--- Input data ---
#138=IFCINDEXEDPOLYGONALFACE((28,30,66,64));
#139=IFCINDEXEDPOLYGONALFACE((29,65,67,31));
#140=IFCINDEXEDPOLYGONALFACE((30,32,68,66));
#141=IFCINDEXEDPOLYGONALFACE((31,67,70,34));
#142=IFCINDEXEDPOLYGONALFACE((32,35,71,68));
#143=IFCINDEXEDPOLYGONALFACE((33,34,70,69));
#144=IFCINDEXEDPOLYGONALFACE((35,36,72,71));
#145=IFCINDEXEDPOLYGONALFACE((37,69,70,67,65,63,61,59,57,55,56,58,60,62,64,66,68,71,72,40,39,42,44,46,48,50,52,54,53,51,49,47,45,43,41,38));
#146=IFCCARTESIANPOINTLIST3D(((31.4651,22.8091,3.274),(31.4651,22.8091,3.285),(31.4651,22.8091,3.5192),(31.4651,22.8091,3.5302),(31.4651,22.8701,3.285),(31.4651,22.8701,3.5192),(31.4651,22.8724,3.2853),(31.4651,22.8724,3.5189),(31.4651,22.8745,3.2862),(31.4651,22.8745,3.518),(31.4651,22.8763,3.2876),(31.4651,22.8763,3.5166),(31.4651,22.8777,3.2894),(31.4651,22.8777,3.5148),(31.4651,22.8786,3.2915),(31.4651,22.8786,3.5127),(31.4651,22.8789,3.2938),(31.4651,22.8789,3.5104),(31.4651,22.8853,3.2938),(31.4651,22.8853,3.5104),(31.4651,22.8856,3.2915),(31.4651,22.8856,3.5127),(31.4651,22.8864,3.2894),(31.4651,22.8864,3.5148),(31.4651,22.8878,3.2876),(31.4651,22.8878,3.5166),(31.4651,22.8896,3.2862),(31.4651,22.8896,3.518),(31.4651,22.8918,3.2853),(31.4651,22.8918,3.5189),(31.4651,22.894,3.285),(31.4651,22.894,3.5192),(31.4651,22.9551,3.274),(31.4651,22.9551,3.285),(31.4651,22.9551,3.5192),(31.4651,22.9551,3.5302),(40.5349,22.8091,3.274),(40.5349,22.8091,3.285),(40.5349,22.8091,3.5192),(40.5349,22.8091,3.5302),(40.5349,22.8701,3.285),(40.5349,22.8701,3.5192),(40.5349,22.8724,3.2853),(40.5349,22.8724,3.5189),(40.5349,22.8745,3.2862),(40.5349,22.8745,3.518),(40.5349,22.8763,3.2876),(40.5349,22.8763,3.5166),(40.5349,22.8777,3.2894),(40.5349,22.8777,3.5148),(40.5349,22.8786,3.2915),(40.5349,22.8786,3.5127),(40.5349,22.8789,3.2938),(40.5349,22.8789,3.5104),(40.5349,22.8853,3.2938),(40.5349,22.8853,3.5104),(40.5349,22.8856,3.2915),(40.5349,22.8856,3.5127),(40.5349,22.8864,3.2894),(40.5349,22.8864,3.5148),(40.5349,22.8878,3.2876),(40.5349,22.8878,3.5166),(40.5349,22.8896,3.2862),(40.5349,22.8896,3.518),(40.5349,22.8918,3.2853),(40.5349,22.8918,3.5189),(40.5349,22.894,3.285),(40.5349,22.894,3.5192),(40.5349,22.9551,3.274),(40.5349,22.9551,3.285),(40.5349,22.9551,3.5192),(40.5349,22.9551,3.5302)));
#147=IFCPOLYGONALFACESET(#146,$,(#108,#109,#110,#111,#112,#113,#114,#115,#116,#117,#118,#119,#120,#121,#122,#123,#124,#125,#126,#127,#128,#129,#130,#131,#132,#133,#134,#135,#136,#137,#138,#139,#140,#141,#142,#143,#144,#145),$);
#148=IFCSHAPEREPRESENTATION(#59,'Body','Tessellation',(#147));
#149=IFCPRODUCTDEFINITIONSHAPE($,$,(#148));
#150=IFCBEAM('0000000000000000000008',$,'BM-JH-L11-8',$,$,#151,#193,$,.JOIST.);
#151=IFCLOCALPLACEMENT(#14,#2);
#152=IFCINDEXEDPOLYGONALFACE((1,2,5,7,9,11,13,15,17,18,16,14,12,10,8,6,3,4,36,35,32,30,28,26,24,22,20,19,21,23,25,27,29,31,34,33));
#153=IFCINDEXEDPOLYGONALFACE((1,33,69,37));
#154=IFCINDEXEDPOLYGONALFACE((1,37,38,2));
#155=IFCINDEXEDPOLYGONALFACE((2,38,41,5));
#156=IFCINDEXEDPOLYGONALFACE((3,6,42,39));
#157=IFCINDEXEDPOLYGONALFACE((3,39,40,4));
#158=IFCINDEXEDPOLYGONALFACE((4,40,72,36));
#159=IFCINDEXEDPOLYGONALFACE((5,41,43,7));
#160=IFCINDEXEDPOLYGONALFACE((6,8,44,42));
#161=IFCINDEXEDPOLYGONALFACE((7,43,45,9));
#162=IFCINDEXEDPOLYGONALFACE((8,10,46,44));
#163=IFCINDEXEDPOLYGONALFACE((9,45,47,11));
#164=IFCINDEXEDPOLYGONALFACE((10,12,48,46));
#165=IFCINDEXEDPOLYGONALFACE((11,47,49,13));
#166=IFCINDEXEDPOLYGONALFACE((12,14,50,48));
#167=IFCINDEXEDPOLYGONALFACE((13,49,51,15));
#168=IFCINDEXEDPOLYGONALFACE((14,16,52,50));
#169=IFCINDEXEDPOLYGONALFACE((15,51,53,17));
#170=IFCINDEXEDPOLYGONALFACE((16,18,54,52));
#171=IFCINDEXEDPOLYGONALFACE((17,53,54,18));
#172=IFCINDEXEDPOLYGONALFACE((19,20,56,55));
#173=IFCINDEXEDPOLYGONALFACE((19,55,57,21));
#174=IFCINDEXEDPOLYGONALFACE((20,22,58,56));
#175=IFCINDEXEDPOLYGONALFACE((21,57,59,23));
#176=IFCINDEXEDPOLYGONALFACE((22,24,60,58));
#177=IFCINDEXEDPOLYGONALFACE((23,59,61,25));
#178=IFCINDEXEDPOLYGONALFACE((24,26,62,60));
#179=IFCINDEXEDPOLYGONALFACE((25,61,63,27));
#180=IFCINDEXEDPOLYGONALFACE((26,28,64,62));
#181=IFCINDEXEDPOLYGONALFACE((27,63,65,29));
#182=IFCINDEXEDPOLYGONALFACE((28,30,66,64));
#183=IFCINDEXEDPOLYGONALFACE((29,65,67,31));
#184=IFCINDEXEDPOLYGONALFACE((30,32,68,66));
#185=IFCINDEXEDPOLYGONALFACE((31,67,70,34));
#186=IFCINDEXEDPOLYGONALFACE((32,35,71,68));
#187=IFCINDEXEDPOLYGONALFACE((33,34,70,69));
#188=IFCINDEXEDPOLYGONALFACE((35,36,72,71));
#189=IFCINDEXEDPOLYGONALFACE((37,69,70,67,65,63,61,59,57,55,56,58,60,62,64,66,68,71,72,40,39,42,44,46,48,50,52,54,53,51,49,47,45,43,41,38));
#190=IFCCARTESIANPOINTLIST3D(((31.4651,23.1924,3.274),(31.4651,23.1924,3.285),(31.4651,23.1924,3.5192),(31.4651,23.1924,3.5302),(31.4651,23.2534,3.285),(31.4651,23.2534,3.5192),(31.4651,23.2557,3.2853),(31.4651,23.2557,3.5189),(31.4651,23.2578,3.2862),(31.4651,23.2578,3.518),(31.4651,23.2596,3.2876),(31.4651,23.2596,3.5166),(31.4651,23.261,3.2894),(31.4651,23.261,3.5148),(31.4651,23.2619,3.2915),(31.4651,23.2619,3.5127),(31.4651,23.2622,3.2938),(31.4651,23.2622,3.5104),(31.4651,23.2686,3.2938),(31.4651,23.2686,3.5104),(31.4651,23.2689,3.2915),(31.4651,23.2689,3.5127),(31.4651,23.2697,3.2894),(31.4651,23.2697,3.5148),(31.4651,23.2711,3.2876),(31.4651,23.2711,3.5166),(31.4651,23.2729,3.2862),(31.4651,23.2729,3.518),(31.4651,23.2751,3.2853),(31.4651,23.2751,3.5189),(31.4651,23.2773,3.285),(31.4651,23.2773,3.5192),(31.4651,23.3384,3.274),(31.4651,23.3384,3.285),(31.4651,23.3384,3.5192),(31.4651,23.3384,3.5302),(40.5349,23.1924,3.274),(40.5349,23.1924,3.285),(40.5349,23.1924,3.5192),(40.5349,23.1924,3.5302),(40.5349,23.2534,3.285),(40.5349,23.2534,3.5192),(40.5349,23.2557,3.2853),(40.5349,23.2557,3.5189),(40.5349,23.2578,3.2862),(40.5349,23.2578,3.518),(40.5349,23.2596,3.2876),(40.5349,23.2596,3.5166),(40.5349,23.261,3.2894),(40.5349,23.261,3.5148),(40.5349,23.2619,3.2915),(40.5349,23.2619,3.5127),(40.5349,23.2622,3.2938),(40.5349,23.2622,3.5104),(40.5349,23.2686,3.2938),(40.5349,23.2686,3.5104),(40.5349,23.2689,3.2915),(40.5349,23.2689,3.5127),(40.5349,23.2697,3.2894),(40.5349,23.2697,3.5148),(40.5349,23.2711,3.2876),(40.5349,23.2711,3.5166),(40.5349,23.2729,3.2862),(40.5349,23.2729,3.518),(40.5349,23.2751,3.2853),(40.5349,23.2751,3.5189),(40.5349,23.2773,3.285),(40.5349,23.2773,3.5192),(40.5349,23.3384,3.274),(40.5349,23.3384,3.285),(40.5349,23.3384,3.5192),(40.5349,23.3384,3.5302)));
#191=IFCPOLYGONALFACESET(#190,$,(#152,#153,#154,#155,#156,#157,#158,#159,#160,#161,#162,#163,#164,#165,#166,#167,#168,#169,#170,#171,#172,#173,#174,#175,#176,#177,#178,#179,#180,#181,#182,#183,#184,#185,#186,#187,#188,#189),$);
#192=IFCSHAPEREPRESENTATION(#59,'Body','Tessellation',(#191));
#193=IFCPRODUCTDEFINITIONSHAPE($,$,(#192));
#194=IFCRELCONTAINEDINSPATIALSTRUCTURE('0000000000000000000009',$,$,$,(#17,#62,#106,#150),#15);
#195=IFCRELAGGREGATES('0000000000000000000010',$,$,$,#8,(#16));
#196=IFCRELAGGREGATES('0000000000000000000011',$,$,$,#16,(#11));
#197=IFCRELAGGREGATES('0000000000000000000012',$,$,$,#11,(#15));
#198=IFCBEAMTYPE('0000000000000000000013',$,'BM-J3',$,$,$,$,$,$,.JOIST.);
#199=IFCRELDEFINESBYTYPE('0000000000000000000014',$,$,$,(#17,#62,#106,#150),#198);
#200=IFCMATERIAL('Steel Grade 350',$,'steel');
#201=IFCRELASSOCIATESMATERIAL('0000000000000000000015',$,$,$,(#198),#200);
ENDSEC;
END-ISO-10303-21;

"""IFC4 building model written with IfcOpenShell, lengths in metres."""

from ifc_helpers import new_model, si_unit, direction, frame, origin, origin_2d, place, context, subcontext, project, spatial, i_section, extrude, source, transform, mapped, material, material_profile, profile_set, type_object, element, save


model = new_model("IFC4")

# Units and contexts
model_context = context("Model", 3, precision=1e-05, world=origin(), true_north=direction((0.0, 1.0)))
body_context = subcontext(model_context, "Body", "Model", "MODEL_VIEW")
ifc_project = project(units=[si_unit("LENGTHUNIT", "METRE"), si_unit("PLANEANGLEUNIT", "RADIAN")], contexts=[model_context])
---
▶ [What is expected] From the entries above, extract each line containing "project".

▶ [Solution]
from ifc_helpers import new_model, si_unit, direction, frame, origin, origin_2d, place, context, subcontext, project, spatial, i_section, extrude, source, transform, mapped, material, material_profile, profile_set, type_object, element, save
ifc_project = project(units=[si_unit("LENGTHUNIT", "METRE"), si_unit("PLANEANGLEUNIT", "RADIAN")], contexts=[model_context])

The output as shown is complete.